[Stored data]
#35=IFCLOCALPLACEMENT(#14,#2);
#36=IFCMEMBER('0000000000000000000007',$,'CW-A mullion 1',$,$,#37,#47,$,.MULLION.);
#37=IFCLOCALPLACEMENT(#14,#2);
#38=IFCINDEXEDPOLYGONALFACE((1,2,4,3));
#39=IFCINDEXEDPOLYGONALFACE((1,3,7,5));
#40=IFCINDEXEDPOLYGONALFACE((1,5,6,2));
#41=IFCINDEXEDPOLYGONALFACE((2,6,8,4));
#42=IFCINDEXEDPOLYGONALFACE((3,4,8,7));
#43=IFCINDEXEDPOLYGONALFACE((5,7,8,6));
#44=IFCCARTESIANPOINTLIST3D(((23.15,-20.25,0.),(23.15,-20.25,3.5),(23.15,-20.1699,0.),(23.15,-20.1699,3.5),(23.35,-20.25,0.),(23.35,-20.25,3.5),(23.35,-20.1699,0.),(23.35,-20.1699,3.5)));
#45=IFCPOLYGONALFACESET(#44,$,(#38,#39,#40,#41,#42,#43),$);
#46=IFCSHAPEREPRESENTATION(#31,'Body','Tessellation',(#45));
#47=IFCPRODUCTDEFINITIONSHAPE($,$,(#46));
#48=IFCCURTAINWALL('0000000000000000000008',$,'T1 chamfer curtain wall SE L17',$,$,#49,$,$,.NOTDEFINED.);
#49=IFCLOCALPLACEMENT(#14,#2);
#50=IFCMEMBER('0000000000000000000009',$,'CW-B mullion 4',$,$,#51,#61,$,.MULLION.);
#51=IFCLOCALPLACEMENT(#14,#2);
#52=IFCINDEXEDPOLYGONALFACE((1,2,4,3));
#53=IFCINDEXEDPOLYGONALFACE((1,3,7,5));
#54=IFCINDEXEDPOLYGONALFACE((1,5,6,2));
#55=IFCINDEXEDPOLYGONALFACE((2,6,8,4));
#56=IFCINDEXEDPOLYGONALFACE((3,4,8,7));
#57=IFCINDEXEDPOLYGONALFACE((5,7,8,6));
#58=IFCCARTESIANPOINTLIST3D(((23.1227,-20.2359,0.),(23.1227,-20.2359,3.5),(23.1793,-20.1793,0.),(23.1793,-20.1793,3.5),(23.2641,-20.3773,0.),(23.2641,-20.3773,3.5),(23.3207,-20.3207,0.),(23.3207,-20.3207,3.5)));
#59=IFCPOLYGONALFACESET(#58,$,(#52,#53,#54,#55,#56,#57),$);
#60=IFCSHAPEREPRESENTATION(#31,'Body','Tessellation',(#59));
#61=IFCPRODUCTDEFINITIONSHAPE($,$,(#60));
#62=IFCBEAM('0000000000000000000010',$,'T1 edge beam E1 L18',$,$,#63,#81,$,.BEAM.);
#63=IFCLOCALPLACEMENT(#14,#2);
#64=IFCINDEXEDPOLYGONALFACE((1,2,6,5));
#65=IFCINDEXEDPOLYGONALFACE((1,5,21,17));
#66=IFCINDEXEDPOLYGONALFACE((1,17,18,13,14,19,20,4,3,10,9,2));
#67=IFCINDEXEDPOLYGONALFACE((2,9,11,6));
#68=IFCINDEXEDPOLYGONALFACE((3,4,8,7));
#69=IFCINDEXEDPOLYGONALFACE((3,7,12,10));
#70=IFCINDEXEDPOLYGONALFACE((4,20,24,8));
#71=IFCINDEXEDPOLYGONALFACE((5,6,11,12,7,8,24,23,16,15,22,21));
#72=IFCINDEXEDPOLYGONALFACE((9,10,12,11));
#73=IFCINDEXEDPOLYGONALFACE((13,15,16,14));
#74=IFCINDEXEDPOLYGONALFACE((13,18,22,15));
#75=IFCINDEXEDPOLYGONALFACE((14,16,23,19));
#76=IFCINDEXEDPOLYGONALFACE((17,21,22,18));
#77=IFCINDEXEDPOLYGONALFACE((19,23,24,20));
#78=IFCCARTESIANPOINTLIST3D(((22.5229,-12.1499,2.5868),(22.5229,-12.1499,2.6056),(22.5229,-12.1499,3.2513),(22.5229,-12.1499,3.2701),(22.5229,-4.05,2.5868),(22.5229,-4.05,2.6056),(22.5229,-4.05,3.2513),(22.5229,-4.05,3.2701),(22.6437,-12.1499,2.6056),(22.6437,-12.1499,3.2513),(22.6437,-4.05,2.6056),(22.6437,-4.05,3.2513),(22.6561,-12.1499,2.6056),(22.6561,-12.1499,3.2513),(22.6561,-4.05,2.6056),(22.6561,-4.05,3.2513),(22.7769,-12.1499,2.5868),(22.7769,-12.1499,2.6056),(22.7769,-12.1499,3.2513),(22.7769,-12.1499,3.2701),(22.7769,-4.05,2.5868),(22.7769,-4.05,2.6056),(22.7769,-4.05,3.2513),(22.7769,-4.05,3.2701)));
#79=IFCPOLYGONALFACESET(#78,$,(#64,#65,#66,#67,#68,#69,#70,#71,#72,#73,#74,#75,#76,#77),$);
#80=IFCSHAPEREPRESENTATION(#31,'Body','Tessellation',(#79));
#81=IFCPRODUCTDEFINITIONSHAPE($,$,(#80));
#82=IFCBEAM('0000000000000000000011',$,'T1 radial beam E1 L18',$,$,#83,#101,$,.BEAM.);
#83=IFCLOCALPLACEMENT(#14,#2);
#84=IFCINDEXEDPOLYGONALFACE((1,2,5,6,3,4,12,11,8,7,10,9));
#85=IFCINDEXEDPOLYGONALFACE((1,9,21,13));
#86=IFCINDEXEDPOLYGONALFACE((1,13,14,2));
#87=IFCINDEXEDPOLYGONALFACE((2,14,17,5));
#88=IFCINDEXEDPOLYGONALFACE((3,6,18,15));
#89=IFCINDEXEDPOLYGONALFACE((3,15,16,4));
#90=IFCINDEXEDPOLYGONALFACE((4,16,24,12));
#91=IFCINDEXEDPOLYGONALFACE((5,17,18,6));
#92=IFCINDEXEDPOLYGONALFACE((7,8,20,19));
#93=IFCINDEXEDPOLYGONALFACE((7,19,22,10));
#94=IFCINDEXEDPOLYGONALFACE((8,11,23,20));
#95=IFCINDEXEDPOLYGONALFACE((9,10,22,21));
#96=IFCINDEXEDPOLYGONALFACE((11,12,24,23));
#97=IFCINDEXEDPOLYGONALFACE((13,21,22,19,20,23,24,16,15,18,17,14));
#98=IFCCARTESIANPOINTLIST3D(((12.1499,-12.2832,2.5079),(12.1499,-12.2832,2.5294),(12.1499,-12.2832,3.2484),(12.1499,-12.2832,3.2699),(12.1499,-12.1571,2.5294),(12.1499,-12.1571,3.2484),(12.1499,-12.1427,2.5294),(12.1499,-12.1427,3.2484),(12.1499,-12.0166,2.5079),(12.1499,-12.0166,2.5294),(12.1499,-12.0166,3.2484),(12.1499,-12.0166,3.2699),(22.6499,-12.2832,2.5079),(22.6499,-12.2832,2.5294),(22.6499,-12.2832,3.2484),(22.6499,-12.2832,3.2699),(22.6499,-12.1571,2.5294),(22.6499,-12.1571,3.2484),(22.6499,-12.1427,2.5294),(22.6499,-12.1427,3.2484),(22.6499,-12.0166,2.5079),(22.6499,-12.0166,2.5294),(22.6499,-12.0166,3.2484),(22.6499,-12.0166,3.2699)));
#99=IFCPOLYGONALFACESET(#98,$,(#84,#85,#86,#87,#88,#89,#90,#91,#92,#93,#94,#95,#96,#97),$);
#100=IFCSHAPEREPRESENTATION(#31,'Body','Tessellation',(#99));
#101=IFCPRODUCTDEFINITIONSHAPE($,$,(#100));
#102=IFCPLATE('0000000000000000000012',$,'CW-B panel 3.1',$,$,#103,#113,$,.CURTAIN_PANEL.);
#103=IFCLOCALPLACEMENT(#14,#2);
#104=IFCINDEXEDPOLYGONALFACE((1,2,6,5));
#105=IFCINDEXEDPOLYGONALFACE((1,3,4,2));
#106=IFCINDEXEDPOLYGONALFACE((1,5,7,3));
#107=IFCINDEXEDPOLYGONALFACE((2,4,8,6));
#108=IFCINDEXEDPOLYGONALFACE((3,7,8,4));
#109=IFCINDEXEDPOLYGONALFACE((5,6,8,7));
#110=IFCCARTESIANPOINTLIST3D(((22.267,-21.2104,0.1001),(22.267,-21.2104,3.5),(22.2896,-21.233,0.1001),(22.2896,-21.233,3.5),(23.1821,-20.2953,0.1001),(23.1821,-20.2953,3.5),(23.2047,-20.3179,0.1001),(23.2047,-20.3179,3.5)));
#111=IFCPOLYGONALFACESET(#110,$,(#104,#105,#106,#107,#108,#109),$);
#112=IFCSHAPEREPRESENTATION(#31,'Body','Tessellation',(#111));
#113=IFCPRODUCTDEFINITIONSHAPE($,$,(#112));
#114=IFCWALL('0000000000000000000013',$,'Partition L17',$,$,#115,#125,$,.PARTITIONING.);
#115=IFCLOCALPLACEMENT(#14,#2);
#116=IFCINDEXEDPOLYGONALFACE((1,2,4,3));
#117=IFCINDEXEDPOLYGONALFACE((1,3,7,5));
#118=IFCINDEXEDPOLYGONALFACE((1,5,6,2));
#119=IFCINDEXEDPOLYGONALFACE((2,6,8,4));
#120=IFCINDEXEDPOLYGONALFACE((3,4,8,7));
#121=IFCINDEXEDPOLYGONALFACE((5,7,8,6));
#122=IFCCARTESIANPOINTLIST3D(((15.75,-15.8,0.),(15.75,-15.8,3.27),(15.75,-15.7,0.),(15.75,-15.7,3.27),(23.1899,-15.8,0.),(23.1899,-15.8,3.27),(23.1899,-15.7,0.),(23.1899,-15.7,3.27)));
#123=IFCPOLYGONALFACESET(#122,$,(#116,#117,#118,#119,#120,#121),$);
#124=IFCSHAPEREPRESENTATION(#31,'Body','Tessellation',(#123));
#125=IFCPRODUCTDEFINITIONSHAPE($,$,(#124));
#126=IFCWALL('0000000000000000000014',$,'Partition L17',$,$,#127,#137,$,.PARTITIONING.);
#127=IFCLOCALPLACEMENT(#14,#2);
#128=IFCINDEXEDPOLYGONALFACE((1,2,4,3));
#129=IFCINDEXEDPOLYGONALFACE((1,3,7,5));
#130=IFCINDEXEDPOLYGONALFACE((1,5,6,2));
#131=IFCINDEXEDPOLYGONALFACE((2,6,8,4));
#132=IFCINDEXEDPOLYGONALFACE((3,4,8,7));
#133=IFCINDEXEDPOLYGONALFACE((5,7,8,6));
---
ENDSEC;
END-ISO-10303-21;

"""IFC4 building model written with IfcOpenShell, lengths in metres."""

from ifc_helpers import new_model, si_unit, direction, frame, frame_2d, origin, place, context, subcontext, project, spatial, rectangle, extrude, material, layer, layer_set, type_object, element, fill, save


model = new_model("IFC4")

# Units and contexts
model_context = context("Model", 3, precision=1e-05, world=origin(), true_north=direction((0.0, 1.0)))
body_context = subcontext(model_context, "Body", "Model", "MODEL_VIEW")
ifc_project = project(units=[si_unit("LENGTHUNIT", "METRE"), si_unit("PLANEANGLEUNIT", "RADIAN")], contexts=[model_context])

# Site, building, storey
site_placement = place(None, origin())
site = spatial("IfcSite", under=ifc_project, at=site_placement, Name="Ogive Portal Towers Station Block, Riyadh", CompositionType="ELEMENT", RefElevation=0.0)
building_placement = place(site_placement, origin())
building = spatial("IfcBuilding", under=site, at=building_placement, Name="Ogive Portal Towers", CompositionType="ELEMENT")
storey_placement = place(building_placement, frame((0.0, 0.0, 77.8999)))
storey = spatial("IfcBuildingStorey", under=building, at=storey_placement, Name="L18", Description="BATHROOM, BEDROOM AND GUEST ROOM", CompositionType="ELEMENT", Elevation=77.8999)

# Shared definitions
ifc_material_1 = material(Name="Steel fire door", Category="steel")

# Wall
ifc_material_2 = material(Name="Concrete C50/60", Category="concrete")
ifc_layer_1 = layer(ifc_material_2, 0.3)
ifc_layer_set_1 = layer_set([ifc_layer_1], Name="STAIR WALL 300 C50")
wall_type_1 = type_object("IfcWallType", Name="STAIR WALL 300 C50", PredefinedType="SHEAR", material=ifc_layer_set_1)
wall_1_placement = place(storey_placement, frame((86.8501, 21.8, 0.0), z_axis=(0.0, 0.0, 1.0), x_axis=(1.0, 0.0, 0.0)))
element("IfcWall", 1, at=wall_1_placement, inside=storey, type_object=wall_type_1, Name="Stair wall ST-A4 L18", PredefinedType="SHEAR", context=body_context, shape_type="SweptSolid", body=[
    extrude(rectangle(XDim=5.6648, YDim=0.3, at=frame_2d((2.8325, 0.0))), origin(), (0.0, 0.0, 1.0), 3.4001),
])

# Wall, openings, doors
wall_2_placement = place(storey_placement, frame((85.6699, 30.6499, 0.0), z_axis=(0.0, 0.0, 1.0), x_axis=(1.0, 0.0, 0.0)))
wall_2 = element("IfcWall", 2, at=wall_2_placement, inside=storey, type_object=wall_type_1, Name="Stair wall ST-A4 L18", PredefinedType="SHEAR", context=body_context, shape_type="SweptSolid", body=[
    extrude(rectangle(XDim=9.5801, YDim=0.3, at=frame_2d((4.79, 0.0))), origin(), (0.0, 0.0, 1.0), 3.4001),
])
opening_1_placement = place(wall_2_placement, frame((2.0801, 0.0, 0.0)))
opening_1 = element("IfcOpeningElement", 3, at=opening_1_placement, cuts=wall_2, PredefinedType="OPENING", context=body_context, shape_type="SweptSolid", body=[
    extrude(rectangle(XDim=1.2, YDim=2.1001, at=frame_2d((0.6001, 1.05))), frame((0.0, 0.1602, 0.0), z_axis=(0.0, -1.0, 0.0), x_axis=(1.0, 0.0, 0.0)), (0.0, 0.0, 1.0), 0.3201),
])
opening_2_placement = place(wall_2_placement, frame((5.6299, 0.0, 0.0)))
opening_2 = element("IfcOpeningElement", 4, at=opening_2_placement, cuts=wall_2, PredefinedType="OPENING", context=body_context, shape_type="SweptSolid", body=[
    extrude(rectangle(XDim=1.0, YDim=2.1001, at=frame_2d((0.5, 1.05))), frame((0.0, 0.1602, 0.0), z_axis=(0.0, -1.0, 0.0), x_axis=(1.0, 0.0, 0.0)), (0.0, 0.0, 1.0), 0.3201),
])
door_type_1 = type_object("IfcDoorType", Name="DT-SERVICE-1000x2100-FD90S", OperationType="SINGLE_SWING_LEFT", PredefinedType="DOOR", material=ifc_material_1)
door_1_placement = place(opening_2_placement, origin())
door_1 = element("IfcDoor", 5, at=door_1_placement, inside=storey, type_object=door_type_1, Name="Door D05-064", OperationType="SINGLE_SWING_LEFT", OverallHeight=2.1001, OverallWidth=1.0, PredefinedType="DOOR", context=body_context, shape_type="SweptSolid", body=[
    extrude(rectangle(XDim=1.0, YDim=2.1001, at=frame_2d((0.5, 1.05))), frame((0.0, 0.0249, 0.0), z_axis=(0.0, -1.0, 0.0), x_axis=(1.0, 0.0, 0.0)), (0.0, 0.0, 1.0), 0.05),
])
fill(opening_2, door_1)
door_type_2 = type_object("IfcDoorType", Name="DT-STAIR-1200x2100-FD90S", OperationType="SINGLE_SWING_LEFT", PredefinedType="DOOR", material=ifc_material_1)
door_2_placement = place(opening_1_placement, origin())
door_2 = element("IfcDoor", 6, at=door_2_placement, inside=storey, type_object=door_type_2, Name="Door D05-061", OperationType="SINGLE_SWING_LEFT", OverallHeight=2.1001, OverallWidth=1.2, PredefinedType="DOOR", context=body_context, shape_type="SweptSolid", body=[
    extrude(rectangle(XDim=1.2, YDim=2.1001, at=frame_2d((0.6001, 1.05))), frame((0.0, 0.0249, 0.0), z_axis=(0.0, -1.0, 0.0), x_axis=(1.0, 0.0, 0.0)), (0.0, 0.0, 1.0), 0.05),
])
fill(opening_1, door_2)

## EXERCISE GOAL
Output the lines above exactly, but only those between the line holding "#105=IFCINDEXEDPOLYGONALFACE((1,3,4,2));" and the line holding "#109=IFCINDEXEDPOLYGONALFACE((5,6,8,7));", inclusive.

## EXPECTED ANSWER
#105=IFCINDEXEDPOLYGONALFACE((1,3,4,2));
#106=IFCINDEXEDPOLYGONALFACE((1,5,7,3));
#107=IFCINDEXEDPOLYGONALFACE((2,4,8,6));
#108=IFCINDEXEDPOLYGONALFACE((3,7,8,4));
#109=IFCINDEXEDPOLYGONALFACE((5,6,8,7));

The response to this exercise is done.